Exercise: Go through the entries below and copy each line that holds the word "where".

START Data records

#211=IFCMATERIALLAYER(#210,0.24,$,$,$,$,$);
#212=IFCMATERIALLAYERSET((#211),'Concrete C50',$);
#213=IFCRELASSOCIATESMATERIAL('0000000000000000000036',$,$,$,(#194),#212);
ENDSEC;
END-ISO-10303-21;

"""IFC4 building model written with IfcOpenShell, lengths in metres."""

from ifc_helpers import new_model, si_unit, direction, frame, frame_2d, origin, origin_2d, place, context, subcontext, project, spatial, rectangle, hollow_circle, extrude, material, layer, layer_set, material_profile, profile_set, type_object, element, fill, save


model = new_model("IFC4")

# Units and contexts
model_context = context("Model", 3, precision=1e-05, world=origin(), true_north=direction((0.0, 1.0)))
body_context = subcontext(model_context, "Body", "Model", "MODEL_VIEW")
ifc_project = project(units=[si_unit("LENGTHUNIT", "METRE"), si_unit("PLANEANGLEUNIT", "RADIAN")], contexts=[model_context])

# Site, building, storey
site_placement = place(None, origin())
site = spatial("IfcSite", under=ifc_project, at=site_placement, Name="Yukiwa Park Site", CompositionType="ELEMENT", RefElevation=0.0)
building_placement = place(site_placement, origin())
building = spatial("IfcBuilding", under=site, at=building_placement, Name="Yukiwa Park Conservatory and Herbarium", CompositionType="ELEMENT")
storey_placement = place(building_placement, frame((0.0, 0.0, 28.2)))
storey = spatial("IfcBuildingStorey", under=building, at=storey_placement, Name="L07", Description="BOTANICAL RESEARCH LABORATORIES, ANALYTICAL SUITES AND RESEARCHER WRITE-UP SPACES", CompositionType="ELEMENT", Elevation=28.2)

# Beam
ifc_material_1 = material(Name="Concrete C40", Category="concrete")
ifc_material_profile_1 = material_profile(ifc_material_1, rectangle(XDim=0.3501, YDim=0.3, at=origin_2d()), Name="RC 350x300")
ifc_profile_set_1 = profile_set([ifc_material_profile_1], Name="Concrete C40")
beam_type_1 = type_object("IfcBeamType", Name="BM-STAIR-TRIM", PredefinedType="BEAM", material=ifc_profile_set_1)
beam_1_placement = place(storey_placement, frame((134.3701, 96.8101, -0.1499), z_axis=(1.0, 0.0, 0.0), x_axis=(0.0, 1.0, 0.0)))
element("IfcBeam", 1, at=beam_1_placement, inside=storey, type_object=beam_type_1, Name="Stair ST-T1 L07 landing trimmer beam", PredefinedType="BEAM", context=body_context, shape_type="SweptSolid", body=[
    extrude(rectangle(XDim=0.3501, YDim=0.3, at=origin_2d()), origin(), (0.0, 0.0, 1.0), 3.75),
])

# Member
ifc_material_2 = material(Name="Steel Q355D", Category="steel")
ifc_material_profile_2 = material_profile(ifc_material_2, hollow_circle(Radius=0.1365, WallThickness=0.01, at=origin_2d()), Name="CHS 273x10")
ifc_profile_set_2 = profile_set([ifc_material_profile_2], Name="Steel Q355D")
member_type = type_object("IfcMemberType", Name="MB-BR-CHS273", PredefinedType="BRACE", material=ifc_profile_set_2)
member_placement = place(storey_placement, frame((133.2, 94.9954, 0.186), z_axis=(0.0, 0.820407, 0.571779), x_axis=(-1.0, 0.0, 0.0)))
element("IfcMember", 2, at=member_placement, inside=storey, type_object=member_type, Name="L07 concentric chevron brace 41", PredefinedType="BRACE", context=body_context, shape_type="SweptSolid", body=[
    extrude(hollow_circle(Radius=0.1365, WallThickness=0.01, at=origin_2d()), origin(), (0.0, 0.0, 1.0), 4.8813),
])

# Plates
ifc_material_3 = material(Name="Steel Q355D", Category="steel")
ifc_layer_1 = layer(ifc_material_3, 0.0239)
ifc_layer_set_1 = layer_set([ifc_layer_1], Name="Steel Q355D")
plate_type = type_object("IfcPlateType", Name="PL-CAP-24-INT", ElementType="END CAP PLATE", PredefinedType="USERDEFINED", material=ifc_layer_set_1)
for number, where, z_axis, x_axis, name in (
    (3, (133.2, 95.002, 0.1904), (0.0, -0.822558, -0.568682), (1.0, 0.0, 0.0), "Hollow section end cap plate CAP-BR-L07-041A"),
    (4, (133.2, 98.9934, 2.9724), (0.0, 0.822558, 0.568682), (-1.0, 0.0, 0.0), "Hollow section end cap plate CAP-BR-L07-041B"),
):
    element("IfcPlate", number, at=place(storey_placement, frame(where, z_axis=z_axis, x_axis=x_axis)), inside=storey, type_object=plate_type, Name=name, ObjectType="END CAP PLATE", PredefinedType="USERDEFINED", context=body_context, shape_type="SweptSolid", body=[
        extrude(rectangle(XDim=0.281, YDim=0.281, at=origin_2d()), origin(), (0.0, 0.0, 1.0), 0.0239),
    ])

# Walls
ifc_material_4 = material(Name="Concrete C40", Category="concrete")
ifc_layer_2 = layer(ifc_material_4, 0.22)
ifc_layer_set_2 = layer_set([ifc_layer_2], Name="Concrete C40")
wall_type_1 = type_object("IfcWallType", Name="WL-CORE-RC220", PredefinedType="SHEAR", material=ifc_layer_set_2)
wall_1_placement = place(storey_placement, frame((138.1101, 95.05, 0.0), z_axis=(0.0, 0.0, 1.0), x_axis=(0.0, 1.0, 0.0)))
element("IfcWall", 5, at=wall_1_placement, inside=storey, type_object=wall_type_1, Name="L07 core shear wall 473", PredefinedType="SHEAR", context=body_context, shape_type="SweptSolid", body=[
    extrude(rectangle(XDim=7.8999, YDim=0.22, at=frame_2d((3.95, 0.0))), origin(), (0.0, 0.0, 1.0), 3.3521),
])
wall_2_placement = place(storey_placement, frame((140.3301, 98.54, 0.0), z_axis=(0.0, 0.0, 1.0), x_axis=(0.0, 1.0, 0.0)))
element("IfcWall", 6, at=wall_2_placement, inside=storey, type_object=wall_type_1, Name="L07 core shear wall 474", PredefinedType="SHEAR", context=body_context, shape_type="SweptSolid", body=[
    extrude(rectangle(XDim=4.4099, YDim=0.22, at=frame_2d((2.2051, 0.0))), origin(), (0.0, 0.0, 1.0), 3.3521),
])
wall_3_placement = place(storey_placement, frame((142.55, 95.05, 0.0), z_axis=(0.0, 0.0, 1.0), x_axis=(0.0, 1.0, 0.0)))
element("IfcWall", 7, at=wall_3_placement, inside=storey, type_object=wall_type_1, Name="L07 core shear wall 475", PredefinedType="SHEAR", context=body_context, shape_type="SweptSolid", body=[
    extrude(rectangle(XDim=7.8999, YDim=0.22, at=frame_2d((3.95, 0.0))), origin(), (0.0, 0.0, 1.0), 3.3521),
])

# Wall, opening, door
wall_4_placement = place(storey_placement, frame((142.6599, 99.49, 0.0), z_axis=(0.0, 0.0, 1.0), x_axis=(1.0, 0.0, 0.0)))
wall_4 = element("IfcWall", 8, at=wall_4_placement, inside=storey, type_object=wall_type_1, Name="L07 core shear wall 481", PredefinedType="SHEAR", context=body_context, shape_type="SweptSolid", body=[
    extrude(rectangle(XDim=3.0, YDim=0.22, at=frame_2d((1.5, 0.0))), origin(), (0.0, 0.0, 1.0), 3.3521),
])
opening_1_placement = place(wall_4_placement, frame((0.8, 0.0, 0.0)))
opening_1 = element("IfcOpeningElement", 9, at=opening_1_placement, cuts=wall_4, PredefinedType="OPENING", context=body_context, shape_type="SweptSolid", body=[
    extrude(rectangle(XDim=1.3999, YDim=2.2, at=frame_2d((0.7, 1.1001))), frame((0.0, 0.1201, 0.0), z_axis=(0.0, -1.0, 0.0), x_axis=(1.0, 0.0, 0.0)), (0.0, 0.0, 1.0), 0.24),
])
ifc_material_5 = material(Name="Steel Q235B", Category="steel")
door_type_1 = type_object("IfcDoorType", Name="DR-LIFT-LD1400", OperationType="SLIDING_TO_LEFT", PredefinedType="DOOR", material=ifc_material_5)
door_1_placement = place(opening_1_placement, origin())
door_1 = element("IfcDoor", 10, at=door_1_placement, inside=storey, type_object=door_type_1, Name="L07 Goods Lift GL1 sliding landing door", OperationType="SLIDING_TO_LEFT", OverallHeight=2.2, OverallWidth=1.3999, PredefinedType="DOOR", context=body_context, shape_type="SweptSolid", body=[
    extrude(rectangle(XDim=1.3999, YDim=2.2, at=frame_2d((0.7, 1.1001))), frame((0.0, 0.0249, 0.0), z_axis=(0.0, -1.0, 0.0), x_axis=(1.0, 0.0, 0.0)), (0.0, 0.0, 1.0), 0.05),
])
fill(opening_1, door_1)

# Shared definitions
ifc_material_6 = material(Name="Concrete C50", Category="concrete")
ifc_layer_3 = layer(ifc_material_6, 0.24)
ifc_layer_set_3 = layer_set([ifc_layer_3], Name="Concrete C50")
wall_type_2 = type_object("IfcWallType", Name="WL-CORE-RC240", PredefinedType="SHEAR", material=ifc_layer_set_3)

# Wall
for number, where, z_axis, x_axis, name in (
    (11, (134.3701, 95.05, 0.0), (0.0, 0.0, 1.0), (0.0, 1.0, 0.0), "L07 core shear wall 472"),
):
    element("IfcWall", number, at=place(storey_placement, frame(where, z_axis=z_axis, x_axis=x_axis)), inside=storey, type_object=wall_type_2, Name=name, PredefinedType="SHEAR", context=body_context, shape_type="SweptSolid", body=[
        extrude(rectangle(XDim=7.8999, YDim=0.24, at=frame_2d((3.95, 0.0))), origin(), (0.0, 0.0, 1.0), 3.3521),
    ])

END Data records

Exercise result:
for number, where, z_axis, x_axis, name in (
    element("IfcPlate", number, at=place(storey_placement, frame(where, z_axis=z_axis, x_axis=x_axis)), inside=storey, type_object=plate_type, Name=name, ObjectType="END CAP PLATE", PredefinedType="USERDEFINED", context=body_context, shape_type="SweptSolid", body=[
for number, where, z_axis, x_axis, name in (
    element("IfcWall", number, at=place(storey_placement, frame(where, z_axis=z_axis, x_axis=x_axis)), inside=storey, type_object=wall_type_2, Name=name, PredefinedType="SHEAR", context=body_context, shape_type="SweptSolid", body=[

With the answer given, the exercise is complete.